What is expected: Find the word "PVDF" in the records below. List each line containing it.

Records shown:

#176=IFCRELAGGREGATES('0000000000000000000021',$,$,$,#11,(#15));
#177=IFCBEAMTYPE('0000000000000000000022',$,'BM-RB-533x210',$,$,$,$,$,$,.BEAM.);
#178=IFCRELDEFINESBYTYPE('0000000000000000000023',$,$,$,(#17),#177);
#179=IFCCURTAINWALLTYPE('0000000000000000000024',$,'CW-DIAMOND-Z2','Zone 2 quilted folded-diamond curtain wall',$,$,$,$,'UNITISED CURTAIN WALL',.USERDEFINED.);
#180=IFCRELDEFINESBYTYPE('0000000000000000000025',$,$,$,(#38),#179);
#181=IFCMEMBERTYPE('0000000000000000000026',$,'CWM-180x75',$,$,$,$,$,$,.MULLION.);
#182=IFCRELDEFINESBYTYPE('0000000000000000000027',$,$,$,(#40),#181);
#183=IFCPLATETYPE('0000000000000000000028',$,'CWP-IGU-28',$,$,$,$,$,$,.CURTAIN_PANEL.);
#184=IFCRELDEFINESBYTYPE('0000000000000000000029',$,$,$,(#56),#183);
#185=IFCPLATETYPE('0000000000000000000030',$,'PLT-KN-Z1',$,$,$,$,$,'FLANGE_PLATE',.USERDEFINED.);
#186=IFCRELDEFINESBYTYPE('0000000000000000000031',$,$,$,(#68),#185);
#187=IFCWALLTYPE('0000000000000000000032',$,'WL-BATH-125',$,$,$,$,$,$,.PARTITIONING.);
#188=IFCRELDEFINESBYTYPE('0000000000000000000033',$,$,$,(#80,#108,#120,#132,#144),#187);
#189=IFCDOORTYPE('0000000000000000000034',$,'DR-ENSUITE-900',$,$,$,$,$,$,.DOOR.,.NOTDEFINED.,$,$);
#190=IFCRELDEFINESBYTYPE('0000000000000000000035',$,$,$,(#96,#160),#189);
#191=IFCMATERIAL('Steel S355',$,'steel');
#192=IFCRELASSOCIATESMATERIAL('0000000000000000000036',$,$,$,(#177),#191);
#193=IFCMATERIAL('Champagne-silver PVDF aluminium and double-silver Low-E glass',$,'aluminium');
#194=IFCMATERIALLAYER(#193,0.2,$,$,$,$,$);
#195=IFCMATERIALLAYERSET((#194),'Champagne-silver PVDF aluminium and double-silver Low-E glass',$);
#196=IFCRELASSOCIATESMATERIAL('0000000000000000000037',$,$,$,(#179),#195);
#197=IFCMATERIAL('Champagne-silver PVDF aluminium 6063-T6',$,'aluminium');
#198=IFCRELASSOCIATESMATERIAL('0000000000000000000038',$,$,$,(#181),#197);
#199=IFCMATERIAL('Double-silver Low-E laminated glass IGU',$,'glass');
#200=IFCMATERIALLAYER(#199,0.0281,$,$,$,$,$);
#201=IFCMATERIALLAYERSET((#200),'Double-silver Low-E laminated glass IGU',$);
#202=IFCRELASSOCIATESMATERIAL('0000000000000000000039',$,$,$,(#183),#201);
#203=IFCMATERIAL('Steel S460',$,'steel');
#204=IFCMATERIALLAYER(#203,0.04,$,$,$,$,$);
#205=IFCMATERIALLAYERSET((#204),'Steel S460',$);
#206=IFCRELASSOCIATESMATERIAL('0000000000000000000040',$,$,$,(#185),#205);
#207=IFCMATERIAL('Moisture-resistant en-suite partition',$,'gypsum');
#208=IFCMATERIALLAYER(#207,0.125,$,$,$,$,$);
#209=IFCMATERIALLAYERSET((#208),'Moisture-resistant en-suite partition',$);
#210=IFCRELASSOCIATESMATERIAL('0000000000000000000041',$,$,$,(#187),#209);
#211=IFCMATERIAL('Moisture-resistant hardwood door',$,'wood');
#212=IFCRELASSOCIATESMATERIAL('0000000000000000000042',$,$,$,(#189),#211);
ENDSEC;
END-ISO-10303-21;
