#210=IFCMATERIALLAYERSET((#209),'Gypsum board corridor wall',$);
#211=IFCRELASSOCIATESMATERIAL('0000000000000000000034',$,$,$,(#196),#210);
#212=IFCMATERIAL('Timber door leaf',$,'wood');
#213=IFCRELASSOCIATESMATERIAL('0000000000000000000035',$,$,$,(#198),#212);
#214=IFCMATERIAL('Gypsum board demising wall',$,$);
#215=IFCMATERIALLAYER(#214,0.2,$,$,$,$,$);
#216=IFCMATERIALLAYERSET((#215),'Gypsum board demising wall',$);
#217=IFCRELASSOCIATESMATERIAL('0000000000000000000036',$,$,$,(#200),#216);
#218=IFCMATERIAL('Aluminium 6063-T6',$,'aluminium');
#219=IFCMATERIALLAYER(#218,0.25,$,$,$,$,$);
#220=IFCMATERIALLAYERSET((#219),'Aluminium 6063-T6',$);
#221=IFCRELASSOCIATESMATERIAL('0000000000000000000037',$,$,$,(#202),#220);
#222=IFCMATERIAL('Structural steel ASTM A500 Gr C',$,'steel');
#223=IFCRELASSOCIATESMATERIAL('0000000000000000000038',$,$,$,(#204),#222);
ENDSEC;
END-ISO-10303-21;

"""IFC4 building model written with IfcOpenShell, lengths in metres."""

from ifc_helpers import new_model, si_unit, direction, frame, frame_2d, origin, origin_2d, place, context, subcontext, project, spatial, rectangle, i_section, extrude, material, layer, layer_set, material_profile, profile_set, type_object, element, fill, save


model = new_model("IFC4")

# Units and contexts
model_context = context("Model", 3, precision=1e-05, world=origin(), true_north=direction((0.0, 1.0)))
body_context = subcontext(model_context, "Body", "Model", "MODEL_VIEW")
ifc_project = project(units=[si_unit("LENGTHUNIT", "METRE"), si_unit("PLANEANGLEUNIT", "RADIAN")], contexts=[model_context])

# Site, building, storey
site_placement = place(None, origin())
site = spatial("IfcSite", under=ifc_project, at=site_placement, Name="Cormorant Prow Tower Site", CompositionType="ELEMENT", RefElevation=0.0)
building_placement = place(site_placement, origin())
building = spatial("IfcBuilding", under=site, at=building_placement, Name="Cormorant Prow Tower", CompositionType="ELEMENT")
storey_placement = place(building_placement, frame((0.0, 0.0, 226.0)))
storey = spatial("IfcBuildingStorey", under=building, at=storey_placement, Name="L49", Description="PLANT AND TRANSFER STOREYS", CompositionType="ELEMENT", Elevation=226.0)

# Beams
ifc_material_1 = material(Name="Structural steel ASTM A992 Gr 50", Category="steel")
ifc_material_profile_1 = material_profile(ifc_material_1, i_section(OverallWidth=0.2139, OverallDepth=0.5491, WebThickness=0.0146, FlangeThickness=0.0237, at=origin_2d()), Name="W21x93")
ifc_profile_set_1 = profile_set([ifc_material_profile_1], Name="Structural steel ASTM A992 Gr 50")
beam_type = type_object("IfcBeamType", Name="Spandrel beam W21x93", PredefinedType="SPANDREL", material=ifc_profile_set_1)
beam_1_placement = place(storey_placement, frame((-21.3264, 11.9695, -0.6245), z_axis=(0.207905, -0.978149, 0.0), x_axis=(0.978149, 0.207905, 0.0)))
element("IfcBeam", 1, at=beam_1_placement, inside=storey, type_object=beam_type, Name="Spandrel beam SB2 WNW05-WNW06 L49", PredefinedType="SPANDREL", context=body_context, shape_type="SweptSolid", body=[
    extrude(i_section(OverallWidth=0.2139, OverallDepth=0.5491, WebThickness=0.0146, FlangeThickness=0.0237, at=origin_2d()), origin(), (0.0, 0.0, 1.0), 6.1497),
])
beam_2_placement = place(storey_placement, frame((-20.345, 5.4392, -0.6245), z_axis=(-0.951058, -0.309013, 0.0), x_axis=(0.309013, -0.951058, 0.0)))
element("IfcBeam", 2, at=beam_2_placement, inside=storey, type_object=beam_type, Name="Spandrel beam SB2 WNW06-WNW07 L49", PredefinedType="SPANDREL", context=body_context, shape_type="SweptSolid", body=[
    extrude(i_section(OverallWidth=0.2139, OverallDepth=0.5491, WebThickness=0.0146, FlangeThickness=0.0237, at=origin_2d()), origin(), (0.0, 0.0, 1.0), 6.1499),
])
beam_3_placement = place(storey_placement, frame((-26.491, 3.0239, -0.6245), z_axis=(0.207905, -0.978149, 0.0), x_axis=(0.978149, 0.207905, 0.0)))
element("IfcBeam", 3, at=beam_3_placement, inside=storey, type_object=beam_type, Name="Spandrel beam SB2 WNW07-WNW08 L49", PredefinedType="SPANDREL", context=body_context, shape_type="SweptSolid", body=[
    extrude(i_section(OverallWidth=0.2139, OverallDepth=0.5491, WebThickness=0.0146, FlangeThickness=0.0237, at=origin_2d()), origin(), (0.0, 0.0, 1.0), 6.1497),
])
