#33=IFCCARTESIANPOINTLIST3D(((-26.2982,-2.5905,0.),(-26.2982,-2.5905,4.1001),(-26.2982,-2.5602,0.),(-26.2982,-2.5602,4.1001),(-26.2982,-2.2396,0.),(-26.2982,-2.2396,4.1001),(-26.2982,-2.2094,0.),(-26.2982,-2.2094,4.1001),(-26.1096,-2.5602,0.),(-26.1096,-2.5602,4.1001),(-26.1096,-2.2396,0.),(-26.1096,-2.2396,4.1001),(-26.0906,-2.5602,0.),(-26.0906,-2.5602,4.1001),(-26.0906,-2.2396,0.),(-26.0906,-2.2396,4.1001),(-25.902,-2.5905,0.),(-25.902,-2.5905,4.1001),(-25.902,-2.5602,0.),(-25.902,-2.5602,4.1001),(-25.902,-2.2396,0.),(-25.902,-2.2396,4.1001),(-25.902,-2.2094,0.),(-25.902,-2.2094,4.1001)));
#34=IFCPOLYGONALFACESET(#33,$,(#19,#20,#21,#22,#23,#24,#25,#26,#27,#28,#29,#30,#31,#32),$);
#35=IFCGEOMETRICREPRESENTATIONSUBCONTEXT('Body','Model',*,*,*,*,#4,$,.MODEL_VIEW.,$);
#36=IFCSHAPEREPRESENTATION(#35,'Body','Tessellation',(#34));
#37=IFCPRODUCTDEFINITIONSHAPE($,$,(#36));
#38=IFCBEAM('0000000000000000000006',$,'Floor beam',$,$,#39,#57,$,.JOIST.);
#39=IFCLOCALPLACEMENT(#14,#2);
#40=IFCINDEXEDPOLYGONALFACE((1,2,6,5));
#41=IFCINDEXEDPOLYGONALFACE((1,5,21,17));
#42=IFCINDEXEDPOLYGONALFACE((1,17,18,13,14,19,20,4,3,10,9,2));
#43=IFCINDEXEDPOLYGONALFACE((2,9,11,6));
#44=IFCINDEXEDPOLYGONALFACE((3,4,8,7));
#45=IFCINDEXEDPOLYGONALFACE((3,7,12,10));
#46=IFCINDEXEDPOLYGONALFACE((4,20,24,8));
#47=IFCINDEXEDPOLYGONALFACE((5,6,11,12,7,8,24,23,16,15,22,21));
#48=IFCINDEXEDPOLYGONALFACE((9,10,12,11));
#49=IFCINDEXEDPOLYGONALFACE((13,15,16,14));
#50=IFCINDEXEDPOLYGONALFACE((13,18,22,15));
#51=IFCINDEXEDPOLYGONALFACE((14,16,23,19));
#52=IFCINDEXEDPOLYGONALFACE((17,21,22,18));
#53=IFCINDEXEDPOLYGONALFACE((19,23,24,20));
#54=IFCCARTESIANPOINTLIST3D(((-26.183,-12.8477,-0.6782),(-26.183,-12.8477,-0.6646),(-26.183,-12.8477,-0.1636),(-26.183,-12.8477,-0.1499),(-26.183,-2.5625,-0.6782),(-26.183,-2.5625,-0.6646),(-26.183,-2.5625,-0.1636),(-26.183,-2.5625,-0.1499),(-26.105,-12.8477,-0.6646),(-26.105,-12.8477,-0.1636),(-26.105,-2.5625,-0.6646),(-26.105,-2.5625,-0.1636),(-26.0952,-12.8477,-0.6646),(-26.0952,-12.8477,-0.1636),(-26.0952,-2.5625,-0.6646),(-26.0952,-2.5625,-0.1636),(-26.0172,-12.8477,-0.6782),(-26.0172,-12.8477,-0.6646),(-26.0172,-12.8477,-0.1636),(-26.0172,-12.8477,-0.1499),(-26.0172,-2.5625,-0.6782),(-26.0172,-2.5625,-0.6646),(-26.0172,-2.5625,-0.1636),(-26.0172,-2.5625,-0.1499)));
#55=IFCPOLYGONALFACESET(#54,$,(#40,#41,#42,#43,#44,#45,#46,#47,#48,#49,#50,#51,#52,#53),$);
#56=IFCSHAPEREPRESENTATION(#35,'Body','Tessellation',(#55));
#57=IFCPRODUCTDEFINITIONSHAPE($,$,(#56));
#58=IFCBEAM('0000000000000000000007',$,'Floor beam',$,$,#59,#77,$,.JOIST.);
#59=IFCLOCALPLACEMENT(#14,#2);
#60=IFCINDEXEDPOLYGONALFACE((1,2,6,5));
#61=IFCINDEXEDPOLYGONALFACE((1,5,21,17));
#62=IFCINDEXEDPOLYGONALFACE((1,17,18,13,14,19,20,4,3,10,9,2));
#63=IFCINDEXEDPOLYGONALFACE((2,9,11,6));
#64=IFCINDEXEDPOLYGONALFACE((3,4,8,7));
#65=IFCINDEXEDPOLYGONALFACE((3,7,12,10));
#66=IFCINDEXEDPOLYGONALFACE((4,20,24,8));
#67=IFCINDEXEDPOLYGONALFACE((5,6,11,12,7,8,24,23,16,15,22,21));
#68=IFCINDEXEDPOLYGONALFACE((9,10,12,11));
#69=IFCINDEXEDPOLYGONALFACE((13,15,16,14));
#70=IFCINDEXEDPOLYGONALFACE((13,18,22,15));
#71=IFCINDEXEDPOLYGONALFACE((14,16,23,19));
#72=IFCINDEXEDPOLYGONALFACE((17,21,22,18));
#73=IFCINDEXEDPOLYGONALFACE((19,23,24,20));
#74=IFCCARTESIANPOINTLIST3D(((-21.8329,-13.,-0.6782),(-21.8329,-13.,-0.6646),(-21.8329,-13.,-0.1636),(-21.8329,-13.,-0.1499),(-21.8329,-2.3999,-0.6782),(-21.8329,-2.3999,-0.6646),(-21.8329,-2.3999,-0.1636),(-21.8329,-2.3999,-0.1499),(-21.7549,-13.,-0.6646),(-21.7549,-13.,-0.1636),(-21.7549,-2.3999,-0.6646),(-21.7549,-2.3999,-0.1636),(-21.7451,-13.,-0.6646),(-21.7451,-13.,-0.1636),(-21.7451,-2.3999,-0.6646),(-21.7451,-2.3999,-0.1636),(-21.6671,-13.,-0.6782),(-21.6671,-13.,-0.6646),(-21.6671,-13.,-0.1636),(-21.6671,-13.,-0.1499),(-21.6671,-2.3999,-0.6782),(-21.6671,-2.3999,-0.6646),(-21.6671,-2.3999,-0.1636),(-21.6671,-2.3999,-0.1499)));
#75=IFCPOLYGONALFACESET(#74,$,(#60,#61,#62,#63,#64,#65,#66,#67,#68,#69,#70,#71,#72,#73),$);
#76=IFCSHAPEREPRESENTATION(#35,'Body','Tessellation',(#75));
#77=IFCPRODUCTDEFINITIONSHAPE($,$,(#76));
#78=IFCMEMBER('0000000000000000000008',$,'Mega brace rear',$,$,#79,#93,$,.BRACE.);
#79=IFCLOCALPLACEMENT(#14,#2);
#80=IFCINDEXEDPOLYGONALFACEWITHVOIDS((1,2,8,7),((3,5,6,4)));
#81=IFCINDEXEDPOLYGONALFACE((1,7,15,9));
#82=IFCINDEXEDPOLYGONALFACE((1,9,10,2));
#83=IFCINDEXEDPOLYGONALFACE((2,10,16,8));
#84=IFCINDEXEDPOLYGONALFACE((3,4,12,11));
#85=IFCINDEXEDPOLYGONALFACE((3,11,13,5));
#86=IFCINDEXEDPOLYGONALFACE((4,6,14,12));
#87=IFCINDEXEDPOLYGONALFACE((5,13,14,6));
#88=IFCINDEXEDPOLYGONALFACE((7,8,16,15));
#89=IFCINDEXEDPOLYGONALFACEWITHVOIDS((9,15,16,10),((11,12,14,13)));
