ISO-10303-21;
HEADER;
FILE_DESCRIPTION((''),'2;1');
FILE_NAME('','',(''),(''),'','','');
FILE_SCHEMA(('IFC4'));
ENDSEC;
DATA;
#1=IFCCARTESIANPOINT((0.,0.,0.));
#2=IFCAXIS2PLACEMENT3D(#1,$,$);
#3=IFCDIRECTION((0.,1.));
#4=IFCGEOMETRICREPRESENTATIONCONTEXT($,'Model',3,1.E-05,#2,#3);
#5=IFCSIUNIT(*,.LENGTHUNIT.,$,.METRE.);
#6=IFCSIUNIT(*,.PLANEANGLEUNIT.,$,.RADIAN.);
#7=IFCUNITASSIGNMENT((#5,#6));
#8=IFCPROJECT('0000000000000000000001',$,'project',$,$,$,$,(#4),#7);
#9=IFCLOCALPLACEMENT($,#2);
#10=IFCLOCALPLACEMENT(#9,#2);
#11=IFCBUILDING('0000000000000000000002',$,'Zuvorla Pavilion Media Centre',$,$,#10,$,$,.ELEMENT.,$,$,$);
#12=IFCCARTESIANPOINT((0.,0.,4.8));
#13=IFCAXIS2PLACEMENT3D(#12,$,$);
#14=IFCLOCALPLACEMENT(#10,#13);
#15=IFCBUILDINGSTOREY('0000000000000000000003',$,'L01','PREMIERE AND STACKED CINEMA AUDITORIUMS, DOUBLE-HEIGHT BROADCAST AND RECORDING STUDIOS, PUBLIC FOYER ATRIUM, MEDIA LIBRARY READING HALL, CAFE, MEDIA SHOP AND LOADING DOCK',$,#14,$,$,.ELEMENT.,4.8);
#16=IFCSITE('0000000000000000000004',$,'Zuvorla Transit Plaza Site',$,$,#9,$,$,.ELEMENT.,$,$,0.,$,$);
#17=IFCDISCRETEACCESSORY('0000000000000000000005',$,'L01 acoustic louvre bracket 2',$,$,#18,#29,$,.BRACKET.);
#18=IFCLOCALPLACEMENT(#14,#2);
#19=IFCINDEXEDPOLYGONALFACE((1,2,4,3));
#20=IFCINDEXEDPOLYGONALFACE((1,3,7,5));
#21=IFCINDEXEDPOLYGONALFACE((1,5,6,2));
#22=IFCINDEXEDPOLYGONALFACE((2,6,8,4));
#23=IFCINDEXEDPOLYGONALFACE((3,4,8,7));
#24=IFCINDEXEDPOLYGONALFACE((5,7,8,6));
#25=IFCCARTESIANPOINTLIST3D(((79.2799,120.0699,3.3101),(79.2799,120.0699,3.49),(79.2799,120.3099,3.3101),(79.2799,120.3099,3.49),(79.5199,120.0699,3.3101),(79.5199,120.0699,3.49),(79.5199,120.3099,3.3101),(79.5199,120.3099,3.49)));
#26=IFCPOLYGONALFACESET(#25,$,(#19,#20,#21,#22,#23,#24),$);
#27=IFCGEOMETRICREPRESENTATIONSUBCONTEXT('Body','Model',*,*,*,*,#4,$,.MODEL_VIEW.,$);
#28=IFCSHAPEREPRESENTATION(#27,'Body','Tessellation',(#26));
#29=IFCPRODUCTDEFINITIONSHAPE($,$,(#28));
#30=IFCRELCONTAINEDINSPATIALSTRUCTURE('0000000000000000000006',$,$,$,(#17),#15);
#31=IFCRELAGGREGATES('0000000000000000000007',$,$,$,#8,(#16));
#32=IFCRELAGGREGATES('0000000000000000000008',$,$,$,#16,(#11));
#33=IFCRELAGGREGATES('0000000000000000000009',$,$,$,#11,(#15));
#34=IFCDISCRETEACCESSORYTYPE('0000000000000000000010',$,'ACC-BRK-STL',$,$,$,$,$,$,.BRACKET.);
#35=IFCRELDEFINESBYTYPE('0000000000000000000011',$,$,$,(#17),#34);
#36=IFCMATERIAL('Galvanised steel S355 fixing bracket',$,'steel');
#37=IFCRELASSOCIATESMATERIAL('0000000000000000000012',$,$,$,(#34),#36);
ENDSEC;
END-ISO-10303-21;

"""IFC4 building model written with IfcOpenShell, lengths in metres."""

from ifc_helpers import new_model, si_unit, direction, frame, origin, origin_2d, place, context, subcontext, project, spatial, rectangle, extrude, material, type_object, element, save


model = new_model("IFC4")

# Units and contexts
model_context = context("Model", 3, precision=1e-05, world=origin(), true_north=direction((0.0, 1.0)))
body_context = subcontext(model_context, "Body", "Model", "MODEL_VIEW")
ifc_project = project(units=[si_unit("LENGTHUNIT", "METRE"), si_unit("PLANEANGLEUNIT", "RADIAN")], contexts=[model_context])

# Site, building, storey
site_placement = place(None, origin())
site = spatial("IfcSite", under=ifc_project, at=site_placement, Name="Zuvorla Transit Plaza Site", CompositionType="ELEMENT", RefElevation=0.0)
building_placement = place(site_placement, origin())
building = spatial("IfcBuilding", under=site, at=building_placement, Name="Zuvorla Pavilion Media Centre", CompositionType="ELEMENT")
storey_placement = place(building_placement, frame((0.0, 0.0, 4.8)))
storey = spatial("IfcBuildingStorey", under=building, at=storey_placement, Name="L01", Description="PREMIERE AND STACKED CINEMA AUDITORIUMS, DOUBLE-HEIGHT BROADCAST AND RECORDING STUDIOS, PUBLIC FOYER ATRIUM, MEDIA LIBRARY READING HALL, CAFE, MEDIA SHOP AND LOADING DOCK", CompositionType="ELEMENT", Elevation=4.8)

# Discrete accessory
ifc_material_1 = material(Name="Galvanised steel S355 fixing bracket", Category="steel")
discrete_accessory_type = type_object("IfcDiscreteAccessoryType", Name="ACC-BRK-STL", PredefinedType="BRACKET", material=ifc_material_1)
for number, where, z_axis, x_axis, name in (
    (1, (79.3999, 120.1899, 3.3101), (0.0, 0.0, 1.0), (1.0, 0.0, 0.0), "L01 acoustic louvre bracket 2"),
):
    element("IfcDiscreteAccessory", number, at=place(storey_placement, frame(where, z_axis=z_axis, x_axis=x_axis)), inside=storey, type_object=discrete_accessory_type, Name=name, PredefinedType="BRACKET", context=body_context, shape_type="SweptSolid", body=[
        extrude(rectangle(XDim=0.24, YDim=0.24, at=origin_2d()), origin(), (0.0, 0.0, 1.0), 0.1799),
    ])

save(model, "model.ifc")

Response below:
#193=IFCMATERIAL('Champagne-silver PVDF aluminium and double-silver Low-E glass',$,'aluminium');
#195=IFCMATERIALLAYERSET((#194),'Champagne-silver PVDF aluminium and double-silver Low-E glass',$);
#197=IFCMATERIAL('Champagne-silver PVDF aluminium 6063-T6',$,'aluminium');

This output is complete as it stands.